Top of Dataset records

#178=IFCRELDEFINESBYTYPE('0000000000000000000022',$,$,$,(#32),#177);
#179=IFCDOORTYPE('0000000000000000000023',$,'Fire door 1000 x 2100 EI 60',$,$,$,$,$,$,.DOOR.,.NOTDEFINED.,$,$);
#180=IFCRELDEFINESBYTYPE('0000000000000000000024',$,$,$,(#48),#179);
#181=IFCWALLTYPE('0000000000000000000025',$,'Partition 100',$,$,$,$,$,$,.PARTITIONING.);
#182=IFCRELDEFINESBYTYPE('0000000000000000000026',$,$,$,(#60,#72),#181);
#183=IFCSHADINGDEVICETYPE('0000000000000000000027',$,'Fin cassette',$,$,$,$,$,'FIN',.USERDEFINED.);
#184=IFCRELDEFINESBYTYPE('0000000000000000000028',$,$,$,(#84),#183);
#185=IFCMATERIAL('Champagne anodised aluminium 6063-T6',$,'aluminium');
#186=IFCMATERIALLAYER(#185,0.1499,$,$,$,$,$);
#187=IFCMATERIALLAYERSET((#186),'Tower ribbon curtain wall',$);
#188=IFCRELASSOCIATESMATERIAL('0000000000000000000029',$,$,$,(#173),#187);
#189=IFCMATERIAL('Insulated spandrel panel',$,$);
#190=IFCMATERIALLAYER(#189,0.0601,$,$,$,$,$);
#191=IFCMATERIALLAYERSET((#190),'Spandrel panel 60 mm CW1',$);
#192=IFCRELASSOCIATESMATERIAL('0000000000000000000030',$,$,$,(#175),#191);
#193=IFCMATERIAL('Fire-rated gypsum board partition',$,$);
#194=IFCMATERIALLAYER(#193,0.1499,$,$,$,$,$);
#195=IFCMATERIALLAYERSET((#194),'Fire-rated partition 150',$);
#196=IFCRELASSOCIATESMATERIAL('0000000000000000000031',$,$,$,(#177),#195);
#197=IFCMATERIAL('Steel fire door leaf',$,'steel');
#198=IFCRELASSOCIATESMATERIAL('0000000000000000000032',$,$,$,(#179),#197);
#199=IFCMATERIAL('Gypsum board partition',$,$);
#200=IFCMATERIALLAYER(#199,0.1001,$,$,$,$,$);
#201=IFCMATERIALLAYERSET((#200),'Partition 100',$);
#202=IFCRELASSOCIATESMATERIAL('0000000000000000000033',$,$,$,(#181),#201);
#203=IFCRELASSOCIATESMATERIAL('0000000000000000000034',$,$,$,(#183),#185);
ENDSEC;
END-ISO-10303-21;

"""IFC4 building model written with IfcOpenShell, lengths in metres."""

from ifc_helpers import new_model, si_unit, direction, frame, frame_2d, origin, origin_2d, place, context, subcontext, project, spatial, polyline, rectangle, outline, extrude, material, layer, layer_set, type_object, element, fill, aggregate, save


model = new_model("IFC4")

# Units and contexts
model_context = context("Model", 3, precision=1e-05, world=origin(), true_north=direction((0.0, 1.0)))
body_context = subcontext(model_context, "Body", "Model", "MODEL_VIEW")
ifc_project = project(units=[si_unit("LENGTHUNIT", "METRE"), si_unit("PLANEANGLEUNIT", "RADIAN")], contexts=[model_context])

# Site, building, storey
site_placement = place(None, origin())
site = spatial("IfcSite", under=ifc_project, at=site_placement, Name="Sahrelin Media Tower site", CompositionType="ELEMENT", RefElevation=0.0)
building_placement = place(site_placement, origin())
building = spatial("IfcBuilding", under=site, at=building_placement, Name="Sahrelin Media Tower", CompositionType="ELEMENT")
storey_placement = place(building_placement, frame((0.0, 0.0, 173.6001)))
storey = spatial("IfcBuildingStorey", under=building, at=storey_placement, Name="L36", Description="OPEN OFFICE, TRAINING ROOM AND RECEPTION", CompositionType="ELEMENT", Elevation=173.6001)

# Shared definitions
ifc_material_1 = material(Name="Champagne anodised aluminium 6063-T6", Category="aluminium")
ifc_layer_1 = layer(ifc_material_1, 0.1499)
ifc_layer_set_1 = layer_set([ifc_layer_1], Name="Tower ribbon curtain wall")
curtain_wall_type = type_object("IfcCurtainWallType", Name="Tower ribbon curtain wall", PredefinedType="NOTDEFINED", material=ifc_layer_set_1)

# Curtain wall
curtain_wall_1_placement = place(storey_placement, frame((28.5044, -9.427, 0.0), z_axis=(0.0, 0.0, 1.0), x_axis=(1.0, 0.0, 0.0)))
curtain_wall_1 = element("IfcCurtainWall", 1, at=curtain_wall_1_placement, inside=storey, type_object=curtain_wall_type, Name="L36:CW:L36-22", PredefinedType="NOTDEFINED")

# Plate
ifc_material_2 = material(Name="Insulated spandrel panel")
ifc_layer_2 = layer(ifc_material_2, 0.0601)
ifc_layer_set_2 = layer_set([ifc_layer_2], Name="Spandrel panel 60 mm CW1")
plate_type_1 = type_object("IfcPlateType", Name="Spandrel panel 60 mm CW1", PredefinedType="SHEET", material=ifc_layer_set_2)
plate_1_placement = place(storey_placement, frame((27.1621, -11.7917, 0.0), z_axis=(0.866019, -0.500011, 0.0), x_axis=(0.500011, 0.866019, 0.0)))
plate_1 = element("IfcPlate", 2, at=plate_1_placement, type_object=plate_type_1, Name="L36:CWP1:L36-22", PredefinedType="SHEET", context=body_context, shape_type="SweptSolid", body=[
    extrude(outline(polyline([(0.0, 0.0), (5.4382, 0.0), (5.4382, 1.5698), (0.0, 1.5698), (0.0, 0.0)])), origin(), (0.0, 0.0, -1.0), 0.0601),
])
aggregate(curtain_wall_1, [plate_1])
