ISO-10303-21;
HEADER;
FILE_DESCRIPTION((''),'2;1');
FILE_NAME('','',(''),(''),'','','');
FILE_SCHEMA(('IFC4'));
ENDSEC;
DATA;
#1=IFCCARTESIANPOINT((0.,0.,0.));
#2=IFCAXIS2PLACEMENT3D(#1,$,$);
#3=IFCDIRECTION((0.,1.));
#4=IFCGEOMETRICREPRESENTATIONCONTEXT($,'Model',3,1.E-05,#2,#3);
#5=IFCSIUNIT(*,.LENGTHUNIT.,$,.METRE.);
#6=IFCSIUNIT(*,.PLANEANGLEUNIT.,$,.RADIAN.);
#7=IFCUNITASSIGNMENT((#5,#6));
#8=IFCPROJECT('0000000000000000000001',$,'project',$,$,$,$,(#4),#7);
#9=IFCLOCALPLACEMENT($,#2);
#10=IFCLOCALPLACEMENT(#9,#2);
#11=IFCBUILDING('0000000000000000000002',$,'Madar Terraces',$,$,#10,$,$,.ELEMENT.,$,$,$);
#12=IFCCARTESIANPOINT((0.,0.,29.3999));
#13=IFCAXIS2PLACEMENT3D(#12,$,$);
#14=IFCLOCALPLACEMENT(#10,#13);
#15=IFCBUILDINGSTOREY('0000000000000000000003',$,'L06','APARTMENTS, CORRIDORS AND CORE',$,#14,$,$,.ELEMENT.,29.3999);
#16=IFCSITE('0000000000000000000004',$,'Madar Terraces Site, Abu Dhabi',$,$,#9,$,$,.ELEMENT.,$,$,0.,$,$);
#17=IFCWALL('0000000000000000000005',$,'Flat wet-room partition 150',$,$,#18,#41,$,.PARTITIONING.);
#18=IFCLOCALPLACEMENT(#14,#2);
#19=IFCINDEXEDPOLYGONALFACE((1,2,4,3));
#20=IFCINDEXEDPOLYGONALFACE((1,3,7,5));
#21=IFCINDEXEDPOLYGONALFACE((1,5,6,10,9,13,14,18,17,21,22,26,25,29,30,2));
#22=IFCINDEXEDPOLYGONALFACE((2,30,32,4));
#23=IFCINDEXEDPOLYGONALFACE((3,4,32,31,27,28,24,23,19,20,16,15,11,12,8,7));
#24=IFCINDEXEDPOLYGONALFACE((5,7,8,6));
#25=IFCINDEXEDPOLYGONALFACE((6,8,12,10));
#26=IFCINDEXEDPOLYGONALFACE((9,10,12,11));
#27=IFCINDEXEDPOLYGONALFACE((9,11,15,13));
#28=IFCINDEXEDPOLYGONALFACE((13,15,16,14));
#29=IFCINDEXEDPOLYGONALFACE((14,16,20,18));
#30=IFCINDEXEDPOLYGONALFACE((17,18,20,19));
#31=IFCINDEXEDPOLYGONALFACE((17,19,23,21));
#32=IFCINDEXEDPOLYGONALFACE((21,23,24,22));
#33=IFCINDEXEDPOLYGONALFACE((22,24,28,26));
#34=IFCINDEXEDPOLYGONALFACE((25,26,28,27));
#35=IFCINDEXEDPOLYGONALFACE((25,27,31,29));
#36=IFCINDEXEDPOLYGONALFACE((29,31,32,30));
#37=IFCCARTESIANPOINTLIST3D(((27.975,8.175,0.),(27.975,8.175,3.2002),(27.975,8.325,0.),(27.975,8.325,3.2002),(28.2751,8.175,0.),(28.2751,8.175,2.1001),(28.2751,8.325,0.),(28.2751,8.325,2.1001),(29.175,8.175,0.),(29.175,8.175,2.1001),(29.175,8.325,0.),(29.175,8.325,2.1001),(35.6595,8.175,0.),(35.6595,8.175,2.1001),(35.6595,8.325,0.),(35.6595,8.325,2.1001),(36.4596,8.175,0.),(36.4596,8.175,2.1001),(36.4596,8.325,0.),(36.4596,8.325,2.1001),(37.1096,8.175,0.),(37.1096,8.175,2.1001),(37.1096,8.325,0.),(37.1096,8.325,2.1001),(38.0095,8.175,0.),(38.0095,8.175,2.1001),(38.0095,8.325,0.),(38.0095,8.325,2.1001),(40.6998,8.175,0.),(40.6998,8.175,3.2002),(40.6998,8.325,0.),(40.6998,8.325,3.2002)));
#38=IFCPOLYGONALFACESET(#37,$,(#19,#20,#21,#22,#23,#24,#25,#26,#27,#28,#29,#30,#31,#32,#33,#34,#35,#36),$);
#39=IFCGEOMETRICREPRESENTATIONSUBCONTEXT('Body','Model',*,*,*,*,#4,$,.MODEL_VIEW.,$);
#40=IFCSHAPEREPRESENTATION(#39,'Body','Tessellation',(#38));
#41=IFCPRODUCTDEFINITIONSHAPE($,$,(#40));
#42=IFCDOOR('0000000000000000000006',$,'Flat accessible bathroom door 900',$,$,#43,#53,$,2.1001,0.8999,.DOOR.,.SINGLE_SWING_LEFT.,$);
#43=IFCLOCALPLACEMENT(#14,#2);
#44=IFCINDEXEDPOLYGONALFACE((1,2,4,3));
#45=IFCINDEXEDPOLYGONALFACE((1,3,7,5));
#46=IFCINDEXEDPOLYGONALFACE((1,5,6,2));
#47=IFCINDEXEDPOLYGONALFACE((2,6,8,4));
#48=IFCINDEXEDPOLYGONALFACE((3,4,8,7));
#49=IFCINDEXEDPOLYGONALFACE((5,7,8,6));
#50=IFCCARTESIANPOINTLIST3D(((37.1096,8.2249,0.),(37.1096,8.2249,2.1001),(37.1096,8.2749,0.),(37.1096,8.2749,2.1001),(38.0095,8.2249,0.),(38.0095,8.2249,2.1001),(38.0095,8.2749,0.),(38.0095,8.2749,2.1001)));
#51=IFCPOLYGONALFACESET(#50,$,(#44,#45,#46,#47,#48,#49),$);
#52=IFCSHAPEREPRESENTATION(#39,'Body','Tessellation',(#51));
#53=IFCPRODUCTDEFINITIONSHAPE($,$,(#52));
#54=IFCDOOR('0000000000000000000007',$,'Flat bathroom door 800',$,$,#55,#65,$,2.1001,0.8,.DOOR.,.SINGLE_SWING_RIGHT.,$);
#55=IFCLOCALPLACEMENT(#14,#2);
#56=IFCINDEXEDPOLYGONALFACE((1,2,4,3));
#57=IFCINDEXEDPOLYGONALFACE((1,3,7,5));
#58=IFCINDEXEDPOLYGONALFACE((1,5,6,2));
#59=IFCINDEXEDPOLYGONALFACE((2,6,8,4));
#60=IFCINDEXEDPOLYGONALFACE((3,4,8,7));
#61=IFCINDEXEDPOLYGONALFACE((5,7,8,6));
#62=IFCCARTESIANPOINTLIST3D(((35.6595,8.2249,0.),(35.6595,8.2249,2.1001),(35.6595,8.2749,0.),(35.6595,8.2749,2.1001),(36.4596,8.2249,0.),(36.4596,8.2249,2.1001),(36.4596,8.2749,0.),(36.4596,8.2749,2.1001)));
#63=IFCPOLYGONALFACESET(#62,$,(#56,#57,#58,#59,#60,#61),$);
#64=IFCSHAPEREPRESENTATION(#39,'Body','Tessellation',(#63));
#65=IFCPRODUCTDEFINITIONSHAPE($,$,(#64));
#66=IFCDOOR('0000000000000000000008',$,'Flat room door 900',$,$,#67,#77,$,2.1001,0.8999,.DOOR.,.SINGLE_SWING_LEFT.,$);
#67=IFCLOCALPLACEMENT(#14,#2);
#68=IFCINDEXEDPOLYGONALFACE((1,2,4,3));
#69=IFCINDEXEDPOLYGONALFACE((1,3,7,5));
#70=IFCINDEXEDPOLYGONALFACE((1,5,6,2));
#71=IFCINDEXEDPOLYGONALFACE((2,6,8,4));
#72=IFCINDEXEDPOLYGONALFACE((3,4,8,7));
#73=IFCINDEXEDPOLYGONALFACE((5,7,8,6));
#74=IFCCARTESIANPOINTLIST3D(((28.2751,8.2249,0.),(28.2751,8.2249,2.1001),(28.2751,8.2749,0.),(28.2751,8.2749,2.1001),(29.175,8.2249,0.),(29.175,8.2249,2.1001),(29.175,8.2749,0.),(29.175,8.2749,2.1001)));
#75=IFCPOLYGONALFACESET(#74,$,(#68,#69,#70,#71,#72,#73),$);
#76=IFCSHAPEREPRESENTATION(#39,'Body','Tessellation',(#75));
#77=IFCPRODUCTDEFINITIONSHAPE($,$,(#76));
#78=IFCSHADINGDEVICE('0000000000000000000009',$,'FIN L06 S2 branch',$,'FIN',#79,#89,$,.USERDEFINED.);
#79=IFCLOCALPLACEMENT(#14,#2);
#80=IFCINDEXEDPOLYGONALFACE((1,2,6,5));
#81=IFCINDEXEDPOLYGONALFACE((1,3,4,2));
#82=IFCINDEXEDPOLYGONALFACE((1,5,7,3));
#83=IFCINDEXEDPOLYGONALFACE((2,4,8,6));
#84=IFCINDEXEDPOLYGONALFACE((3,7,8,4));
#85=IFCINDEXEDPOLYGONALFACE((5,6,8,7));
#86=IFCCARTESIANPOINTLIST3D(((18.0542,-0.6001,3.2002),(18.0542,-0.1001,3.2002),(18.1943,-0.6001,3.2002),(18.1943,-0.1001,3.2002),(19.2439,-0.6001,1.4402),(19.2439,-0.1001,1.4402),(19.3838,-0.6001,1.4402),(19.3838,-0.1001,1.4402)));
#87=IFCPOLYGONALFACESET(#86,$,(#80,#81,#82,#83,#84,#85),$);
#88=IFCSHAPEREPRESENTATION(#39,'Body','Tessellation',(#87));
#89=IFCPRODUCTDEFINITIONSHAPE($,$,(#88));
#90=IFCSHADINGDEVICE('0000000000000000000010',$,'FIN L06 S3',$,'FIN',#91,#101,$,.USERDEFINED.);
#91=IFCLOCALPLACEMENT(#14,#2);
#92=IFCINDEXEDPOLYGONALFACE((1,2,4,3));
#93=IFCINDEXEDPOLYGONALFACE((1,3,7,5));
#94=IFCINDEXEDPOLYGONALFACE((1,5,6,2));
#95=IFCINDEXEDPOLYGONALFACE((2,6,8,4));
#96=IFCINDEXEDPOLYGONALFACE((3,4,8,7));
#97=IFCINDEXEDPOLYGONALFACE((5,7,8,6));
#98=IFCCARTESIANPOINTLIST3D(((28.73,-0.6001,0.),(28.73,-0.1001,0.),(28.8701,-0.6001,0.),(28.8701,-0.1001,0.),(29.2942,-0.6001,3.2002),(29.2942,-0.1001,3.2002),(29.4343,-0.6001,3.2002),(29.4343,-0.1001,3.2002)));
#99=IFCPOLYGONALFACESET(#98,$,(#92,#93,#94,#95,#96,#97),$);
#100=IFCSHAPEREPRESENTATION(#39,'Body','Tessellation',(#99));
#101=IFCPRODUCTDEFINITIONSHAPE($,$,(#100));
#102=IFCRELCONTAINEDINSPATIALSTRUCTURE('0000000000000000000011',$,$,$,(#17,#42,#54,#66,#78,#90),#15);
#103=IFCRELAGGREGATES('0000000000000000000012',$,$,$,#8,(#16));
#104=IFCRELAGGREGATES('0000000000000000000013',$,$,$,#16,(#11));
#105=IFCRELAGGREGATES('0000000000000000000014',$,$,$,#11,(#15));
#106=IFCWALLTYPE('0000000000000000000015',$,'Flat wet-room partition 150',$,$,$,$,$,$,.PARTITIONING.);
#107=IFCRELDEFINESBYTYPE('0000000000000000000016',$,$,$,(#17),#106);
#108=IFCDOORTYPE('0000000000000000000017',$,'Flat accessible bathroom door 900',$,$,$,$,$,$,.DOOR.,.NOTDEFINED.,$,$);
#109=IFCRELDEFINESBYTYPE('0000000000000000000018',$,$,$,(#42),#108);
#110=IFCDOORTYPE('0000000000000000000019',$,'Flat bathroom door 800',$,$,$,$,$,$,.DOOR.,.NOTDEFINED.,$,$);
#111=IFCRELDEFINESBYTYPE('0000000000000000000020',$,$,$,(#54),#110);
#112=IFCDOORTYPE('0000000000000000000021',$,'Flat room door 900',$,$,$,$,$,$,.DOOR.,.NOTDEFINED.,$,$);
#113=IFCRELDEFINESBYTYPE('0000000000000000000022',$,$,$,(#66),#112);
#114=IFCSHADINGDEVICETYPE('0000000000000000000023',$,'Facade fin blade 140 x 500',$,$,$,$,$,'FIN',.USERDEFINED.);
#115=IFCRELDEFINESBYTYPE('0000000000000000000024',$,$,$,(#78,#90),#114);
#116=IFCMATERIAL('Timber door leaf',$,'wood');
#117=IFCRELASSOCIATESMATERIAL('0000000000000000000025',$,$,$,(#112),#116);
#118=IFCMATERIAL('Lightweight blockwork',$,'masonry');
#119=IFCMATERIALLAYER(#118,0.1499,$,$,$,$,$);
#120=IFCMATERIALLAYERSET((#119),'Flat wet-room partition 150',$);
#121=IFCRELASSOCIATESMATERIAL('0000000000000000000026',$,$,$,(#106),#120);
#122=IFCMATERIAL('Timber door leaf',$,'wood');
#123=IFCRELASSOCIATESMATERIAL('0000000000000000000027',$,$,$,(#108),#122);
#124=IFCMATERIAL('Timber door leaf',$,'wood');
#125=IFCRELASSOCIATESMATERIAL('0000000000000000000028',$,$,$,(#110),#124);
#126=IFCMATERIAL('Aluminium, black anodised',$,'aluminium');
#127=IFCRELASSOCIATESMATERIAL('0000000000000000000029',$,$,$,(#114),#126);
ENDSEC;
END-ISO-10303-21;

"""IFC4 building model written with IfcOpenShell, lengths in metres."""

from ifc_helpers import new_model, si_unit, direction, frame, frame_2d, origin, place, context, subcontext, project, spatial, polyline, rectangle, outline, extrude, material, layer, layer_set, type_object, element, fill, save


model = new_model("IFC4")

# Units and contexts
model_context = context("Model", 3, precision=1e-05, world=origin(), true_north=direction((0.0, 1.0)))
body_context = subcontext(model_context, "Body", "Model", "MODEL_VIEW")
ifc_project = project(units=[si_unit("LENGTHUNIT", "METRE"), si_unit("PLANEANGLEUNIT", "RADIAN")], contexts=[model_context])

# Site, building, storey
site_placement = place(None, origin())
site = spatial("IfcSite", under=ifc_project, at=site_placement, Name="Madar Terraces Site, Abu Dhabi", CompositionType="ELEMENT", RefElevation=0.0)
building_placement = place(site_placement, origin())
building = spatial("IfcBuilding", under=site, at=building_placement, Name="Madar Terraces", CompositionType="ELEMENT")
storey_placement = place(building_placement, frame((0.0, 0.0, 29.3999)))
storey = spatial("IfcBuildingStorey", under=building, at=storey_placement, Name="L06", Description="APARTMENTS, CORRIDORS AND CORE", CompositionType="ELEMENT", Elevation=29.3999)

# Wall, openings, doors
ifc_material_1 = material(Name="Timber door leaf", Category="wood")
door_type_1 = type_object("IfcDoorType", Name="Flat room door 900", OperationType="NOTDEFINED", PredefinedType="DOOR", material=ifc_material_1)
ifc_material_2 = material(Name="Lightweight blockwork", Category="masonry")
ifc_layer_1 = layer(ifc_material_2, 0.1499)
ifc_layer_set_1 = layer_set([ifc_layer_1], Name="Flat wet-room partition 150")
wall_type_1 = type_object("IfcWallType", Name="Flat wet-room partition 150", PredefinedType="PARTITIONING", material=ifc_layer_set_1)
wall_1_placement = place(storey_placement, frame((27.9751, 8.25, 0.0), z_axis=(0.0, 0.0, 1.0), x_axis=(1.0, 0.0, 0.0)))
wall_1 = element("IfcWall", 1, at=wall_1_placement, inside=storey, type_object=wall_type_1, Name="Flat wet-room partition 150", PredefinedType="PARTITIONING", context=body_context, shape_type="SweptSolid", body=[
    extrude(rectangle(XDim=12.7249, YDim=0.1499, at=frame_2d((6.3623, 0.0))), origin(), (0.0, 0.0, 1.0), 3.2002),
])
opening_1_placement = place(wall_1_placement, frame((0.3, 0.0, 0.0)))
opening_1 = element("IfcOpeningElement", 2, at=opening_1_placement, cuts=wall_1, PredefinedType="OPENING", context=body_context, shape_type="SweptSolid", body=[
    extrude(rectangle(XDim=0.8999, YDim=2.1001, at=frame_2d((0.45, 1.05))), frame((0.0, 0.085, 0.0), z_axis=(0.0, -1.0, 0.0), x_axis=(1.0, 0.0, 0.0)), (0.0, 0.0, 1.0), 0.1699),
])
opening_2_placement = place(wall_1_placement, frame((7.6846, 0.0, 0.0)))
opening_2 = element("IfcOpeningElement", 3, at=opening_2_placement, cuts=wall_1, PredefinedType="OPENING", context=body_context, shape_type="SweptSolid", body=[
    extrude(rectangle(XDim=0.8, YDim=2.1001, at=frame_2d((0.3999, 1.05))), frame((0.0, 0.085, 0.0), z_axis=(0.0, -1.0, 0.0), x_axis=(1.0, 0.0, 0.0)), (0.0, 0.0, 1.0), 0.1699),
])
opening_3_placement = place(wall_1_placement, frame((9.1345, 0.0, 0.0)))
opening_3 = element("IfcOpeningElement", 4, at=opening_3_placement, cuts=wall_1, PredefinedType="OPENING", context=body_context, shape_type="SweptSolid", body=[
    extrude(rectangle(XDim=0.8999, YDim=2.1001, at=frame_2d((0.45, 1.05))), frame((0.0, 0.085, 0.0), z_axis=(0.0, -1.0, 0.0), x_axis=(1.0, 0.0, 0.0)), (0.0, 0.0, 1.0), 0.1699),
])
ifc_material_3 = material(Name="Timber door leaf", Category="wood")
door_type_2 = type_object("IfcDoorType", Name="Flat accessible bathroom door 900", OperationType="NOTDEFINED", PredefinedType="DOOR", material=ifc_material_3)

Bottom of Dataset records

• Exercise aim:
Within the entries above, how many lines contain "USERDEFINED"? Respond with the number only.

• Answer box:
4